Once you find the line with "#36=IFCINDEXEDPOLYGONALFACE((1,3,4,2));" in the entries below, return exactly every line from it through the line with "#62=IFCINDEXEDPOLYGONALFACE((2,6,8,4));".

* Dataset entries:

::::::

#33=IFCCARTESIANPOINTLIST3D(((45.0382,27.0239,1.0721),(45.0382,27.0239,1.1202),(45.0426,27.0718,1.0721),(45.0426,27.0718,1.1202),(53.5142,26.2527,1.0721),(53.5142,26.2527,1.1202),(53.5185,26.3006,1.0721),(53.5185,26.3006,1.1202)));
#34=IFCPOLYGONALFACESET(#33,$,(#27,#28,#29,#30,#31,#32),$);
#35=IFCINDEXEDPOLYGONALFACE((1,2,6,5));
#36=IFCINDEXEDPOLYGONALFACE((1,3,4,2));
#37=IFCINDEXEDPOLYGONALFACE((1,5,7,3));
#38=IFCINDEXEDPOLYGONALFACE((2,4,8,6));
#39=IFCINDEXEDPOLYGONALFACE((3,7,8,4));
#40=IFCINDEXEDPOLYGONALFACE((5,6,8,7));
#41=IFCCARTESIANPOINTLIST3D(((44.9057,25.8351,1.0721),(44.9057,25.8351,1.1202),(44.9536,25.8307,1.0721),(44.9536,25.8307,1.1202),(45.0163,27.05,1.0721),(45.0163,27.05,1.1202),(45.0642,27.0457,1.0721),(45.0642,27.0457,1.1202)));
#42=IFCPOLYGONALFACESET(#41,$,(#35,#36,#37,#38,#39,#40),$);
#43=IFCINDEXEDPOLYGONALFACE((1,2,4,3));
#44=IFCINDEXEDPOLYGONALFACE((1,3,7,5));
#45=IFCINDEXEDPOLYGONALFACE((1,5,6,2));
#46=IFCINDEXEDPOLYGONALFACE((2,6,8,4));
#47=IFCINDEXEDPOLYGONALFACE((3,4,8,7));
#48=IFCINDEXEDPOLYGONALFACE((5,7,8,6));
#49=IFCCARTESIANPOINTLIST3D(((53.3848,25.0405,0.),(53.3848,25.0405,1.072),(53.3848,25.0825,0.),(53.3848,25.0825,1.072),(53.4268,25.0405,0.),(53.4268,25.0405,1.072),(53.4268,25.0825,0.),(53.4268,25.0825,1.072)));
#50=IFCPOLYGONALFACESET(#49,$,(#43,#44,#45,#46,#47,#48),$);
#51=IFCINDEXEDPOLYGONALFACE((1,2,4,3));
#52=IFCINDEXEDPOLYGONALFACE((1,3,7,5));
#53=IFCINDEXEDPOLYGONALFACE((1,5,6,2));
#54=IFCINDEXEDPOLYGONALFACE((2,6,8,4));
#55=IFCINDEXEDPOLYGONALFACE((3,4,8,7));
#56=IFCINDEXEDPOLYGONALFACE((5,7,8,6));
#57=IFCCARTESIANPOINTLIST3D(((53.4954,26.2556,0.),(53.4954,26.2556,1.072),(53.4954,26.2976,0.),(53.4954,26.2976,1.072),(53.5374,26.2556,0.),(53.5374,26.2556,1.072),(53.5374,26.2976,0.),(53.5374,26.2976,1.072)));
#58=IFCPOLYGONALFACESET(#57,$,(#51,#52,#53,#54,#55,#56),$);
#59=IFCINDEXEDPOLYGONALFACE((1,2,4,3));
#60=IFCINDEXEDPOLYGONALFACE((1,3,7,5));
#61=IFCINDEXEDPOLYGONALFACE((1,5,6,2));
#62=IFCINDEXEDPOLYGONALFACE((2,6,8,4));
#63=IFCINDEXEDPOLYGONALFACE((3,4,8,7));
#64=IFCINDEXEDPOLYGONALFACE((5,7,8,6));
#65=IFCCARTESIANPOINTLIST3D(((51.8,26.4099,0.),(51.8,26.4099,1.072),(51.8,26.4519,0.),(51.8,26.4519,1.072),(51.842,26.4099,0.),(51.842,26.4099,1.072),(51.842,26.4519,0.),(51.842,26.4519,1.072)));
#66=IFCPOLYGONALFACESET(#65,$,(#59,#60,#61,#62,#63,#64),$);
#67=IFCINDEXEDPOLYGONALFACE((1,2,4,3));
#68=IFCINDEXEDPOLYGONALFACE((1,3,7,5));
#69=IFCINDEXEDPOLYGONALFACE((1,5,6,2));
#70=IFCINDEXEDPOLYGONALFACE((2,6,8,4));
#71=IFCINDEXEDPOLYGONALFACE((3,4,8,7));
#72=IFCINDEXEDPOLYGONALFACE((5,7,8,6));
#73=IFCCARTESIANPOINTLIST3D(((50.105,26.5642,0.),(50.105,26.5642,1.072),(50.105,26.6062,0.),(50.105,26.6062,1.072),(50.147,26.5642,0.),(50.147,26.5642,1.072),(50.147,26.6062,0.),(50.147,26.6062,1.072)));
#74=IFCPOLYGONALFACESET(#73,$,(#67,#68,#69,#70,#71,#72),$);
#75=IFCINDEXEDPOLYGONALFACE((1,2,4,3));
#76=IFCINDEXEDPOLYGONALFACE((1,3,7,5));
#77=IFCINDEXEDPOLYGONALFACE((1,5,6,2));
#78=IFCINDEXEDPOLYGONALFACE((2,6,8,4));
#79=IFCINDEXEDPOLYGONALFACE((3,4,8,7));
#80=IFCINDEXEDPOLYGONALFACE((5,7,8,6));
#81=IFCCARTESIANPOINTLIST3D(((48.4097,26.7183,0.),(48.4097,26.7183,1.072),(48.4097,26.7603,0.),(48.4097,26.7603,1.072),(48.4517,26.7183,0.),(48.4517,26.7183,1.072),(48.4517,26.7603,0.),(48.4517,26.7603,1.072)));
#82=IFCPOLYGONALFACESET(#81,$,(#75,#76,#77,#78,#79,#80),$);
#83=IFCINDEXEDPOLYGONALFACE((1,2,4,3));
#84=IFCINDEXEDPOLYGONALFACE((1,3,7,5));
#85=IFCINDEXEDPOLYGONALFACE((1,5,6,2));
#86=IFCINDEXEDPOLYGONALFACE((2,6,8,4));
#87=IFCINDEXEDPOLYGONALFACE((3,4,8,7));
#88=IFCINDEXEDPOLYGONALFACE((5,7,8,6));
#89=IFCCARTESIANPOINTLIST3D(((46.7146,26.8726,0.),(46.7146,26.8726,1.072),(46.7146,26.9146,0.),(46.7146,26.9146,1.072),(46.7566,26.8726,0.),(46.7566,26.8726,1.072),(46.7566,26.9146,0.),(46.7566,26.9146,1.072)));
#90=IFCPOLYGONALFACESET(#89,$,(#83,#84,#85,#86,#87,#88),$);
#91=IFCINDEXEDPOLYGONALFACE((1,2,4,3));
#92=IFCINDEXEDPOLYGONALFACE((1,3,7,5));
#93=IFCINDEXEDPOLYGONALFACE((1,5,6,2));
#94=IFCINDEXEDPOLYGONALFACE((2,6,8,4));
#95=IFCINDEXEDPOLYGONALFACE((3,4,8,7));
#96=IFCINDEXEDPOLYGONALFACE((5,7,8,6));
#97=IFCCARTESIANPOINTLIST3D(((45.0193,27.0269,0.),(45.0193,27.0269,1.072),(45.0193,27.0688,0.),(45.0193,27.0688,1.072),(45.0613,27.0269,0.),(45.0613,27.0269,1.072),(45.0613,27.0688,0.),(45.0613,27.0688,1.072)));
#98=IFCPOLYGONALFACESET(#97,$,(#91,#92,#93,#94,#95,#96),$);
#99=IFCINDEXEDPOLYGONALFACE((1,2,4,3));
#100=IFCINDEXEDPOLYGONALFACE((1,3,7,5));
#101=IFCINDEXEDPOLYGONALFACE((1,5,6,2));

::::::

* WRITTEN RESPONSE:
#36=IFCINDEXEDPOLYGONALFACE((1,3,4,2));
#37=IFCINDEXEDPOLYGONALFACE((1,5,7,3));
#38=IFCINDEXEDPOLYGONALFACE((2,4,8,6));
#39=IFCINDEXEDPOLYGONALFACE((3,7,8,4));
#40=IFCINDEXEDPOLYGONALFACE((5,6,8,7));
#41=IFCCARTESIANPOINTLIST3D(((44.9057,25.8351,1.0721),(44.9057,25.8351,1.1202),(44.9536,25.8307,1.0721),(44.9536,25.8307,1.1202),(45.0163,27.05,1.0721),(45.0163,27.05,1.1202),(45.0642,27.0457,1.0721),(45.0642,27.0457,1.1202)));
#42=IFCPOLYGONALFACESET(#41,$,(#35,#36,#37,#38,#39,#40),$);
#43=IFCINDEXEDPOLYGONALFACE((1,2,4,3));
#44=IFCINDEXEDPOLYGONALFACE((1,3,7,5));
#45=IFCINDEXEDPOLYGONALFACE((1,5,6,2));
#46=IFCINDEXEDPOLYGONALFACE((2,6,8,4));
#47=IFCINDEXEDPOLYGONALFACE((3,4,8,7));
#48=IFCINDEXEDPOLYGONALFACE((5,7,8,6));
#49=IFCCARTESIANPOINTLIST3D(((53.3848,25.0405,0.),(53.3848,25.0405,1.072),(53.3848,25.0825,0.),(53.3848,25.0825,1.072),(53.4268,25.0405,0.),(53.4268,25.0405,1.072),(53.4268,25.0825,0.),(53.4268,25.0825,1.072)));
#50=IFCPOLYGONALFACESET(#49,$,(#43,#44,#45,#46,#47,#48),$);
#51=IFCINDEXEDPOLYGONALFACE((1,2,4,3));
#52=IFCINDEXEDPOLYGONALFACE((1,3,7,5));
#53=IFCINDEXEDPOLYGONALFACE((1,5,6,2));
#54=IFCINDEXEDPOLYGONALFACE((2,6,8,4));
#55=IFCINDEXEDPOLYGONALFACE((3,4,8,7));
#56=IFCINDEXEDPOLYGONALFACE((5,7,8,6));
#57=IFCCARTESIANPOINTLIST3D(((53.4954,26.2556,0.),(53.4954,26.2556,1.072),(53.4954,26.2976,0.),(53.4954,26.2976,1.072),(53.5374,26.2556,0.),(53.5374,26.2556,1.072),(53.5374,26.2976,0.),(53.5374,26.2976,1.072)));
#58=IFCPOLYGONALFACESET(#57,$,(#51,#52,#53,#54,#55,#56),$);
#59=IFCINDEXEDPOLYGONALFACE((1,2,4,3));
#60=IFCINDEXEDPOLYGONALFACE((1,3,7,5));
#61=IFCINDEXEDPOLYGONALFACE((1,5,6,2));
#62=IFCINDEXEDPOLYGONALFACE((2,6,8,4));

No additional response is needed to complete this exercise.